EXERCISE BRIEF: Within the material below, transcribe exactly the lines from the one holding "#75=IFCINDEXEDPOLYGONALFACE((3,15,18,6));" through the one holding "#82=IFCINDEXEDPOLYGONALFACE((11,23,24,12));", keeping both ends and skipping the rest.

--------------------------------------------------

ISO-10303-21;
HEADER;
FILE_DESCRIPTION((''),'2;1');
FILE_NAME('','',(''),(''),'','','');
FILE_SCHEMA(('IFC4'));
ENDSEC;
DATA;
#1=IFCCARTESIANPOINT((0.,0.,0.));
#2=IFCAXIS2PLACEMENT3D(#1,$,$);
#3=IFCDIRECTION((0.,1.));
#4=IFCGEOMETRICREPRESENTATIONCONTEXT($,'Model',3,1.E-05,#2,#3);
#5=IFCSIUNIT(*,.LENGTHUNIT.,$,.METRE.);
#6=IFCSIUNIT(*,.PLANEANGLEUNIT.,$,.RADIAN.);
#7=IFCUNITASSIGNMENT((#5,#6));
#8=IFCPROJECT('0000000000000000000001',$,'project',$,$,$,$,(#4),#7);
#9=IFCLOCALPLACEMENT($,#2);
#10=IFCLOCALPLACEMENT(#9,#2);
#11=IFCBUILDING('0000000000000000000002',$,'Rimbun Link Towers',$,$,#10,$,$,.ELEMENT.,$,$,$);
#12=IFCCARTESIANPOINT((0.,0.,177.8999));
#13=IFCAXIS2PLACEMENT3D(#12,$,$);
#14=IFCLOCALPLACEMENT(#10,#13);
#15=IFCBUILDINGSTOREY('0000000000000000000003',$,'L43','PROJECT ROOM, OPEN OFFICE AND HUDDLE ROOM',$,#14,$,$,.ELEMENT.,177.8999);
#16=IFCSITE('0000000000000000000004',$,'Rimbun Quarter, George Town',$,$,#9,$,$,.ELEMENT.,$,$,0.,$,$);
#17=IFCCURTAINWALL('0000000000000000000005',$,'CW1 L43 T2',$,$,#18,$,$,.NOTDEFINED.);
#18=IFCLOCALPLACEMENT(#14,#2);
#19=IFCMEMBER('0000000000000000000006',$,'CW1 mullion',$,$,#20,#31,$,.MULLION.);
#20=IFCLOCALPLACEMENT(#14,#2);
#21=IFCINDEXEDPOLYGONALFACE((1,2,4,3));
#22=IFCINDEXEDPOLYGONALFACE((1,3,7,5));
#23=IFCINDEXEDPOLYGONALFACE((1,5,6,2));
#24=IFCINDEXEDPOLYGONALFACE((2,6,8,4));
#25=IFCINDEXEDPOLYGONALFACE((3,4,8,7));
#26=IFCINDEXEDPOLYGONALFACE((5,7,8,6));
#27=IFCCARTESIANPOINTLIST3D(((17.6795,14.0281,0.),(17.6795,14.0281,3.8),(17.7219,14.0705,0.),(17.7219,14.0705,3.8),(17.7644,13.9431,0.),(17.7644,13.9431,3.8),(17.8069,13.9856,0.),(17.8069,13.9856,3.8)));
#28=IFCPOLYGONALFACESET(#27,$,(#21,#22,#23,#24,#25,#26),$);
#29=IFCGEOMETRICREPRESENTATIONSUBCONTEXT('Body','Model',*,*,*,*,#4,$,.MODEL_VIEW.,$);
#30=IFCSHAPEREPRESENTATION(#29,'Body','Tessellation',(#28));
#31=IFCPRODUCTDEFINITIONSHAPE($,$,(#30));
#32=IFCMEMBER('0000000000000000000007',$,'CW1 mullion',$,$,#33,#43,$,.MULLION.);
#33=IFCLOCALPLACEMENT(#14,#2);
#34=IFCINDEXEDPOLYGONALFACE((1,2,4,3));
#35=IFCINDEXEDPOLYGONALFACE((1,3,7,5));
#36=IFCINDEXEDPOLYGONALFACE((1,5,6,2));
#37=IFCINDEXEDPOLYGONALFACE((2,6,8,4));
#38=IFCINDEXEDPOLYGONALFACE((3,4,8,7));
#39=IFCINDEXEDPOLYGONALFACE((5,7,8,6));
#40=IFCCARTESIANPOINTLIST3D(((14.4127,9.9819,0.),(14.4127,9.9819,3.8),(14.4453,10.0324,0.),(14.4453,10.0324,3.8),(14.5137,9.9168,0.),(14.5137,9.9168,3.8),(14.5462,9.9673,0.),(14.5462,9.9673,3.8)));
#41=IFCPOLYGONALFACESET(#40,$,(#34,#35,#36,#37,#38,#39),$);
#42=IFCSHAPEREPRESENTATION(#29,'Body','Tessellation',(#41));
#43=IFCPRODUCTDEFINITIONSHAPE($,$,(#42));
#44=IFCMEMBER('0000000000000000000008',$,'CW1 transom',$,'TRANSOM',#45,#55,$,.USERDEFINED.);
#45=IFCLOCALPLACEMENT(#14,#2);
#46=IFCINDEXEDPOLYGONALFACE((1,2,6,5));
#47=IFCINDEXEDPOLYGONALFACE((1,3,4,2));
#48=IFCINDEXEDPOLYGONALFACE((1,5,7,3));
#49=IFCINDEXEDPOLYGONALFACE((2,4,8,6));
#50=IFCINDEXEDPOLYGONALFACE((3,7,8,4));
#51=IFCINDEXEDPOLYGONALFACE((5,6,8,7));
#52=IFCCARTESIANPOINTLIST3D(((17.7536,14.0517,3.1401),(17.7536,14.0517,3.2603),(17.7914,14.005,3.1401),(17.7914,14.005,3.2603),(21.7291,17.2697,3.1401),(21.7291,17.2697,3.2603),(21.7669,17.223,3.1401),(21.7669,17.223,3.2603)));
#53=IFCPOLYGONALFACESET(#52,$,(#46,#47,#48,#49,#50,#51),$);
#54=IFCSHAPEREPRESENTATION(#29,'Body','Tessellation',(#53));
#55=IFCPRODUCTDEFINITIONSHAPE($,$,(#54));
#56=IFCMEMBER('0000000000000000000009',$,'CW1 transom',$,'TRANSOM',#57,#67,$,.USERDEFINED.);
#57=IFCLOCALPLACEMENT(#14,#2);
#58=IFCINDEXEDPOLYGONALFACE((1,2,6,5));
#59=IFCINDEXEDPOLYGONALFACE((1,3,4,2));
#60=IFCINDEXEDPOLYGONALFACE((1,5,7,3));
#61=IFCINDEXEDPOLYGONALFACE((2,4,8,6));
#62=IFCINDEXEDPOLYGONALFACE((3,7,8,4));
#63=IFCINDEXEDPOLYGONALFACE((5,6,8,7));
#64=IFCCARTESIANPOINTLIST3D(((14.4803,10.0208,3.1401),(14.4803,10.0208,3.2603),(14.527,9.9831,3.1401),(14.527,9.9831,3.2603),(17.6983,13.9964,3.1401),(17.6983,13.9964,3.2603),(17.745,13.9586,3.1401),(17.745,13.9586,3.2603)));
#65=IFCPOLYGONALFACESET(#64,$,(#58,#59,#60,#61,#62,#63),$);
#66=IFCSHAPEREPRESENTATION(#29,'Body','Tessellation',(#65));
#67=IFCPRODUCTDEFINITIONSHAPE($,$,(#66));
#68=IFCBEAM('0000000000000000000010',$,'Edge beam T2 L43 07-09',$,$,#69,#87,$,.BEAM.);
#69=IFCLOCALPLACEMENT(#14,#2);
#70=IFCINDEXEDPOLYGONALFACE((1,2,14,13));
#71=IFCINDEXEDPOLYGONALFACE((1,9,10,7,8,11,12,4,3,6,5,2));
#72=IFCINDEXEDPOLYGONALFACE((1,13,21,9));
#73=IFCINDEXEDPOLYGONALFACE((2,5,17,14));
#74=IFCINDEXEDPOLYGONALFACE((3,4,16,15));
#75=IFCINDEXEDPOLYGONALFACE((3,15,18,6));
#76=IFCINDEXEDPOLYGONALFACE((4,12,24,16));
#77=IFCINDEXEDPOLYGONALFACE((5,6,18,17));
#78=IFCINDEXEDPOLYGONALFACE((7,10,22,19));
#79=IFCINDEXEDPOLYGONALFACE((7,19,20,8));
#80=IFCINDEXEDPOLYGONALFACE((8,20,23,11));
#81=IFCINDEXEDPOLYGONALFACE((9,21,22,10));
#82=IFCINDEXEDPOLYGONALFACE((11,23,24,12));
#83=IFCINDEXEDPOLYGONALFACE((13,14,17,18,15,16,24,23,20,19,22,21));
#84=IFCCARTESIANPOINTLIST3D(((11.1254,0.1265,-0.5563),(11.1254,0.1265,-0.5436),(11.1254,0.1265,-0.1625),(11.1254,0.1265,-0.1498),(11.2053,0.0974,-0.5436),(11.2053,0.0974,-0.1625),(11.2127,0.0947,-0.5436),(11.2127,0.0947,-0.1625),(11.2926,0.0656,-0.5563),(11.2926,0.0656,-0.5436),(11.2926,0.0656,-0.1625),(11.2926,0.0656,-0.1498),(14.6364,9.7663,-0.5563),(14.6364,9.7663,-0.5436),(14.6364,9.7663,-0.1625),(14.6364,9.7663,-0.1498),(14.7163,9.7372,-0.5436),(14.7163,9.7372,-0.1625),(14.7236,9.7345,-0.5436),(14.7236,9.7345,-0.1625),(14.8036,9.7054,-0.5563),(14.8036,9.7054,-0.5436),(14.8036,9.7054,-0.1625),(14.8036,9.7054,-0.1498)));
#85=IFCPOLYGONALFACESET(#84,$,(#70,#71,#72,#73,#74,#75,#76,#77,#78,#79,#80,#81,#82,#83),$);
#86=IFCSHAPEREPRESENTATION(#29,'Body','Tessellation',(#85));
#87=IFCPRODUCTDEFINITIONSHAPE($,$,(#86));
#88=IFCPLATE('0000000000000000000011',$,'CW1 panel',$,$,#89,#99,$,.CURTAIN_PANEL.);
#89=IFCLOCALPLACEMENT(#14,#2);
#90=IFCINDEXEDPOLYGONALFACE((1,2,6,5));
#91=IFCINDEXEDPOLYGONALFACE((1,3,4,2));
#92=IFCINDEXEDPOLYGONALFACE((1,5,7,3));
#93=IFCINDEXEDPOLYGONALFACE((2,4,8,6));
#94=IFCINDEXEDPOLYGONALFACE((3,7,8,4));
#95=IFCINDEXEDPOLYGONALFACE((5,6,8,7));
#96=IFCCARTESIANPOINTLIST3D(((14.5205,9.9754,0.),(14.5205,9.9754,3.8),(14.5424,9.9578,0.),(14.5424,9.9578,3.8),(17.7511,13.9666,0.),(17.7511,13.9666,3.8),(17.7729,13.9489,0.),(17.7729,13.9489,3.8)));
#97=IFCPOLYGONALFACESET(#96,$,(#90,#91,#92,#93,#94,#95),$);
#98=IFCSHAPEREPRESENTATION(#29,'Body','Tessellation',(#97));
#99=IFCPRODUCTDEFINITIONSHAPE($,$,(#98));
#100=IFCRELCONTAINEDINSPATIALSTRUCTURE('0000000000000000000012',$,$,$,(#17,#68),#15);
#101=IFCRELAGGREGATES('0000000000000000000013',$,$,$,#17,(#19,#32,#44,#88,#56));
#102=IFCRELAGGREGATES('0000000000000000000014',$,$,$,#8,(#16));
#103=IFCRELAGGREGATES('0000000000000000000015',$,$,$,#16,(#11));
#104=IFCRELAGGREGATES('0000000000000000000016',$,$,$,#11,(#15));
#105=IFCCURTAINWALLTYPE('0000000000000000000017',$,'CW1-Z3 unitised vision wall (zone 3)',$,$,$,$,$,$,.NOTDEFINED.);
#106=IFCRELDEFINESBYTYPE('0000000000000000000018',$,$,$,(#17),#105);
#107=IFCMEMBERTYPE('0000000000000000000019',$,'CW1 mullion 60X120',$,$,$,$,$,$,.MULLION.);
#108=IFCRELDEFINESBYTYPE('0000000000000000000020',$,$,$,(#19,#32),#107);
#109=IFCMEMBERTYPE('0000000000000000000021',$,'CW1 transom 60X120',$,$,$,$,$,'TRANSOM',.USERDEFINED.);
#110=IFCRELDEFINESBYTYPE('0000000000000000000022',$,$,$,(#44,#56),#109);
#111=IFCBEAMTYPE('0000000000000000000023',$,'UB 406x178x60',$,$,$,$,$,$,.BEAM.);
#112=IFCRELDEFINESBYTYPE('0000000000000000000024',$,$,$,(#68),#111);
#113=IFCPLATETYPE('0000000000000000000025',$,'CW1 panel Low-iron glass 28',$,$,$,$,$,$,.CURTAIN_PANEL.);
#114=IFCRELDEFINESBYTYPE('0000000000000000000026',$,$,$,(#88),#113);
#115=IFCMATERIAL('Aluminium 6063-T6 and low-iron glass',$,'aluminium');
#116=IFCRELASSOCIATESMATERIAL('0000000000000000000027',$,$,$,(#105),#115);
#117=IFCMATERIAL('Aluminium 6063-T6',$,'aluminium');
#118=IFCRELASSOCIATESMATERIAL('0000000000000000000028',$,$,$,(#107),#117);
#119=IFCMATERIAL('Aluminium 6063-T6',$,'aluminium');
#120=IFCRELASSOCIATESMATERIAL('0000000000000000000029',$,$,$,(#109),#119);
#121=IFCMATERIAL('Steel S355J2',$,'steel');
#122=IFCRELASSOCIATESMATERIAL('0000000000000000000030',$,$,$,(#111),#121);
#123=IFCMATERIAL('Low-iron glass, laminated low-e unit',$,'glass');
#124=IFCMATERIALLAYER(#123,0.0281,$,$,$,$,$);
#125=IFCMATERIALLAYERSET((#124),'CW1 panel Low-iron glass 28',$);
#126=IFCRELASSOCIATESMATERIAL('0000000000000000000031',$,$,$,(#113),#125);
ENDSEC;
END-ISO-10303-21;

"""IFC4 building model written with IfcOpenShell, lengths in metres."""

from ifc_helpers import new_model, si_unit, direction, frame, origin, origin_2d, place, context, subcontext, project, spatial, rectangle, i_section, extrude, material, layer, layer_set, material_profile, profile_set, type_object, element, aggregate, save


model = new_model("IFC4")

# Units and contexts
model_context = context("Model", 3, precision=1e-05, world=origin(), true_north=direction((0.0, 1.0)))
body_context = subcontext(model_context, "Body", "Model", "MODEL_VIEW")
ifc_project = project(units=[si_unit("LENGTHUNIT", "METRE"), si_unit("PLANEANGLEUNIT", "RADIAN")], contexts=[model_context])

# Site, building, storey
site_placement = place(None, origin())
site = spatial("IfcSite", under=ifc_project, at=site_placement, Name="Rimbun Quarter, George Town", CompositionType="ELEMENT", RefElevation=0.0)
building_placement = place(site_placement, origin())
building = spatial("IfcBuilding", under=site, at=building_placement, Name="Rimbun Link Towers", CompositionType="ELEMENT")
storey_placement = place(building_placement, frame((0.0, 0.0, 177.8999)))
storey = spatial("IfcBuildingStorey", under=building, at=storey_placement, Name="L43", Description="PROJECT ROOM, OPEN OFFICE AND HUDDLE ROOM", CompositionType="ELEMENT", Elevation=177.8999)

# Curtain wall, members
ifc_material_1 = material(Name="Aluminium 6063-T6 and low-iron glass", Category="aluminium")
curtain_wall_type = type_object("IfcCurtainWallType", Name="CW1-Z3 unitised vision wall (zone 3)", PredefinedType="NOTDEFINED", material=ifc_material_1)
curtain_wall_placement = place(storey_placement, origin())
curtain_wall = element("IfcCurtainWall", 1, at=curtain_wall_placement, inside=storey, type_object=curtain_wall_type, Name="CW1 L43 T2", PredefinedType="NOTDEFINED")
ifc_material_2 = material(Name="Aluminium 6063-T6", Category="aluminium")
ifc_material_profile_1 = material_profile(ifc_material_2, rectangle(XDim=0.1201, YDim=0.0601, at=origin_2d()), Name="MULLION 60X120")
ifc_profile_set_1 = profile_set([ifc_material_profile_1], Name="Aluminium 6063-T6")
member_type_1 = type_object("IfcMemberType", Name="CW1 mullion 60X120", PredefinedType="MULLION", material=ifc_profile_set_1)
member_1_placement = place(storey_placement, frame((17.7432, 14.0068, 0.0), z_axis=(0.0, 0.0, 1.0), x_axis=(-0.707107, 0.707107, 0.0)))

--------------------------------------------------

REPLY TO THE EXERCISE:
#75=IFCINDEXEDPOLYGONALFACE((3,15,18,6));
#76=IFCINDEXEDPOLYGONALFACE((4,12,24,16));
#77=IFCINDEXEDPOLYGONALFACE((5,6,18,17));
#78=IFCINDEXEDPOLYGONALFACE((7,10,22,19));
#79=IFCINDEXEDPOLYGONALFACE((7,19,20,8));
#80=IFCINDEXEDPOLYGONALFACE((8,20,23,11));
#81=IFCINDEXEDPOLYGONALFACE((9,21,22,10));
#82=IFCINDEXEDPOLYGONALFACE((11,23,24,12));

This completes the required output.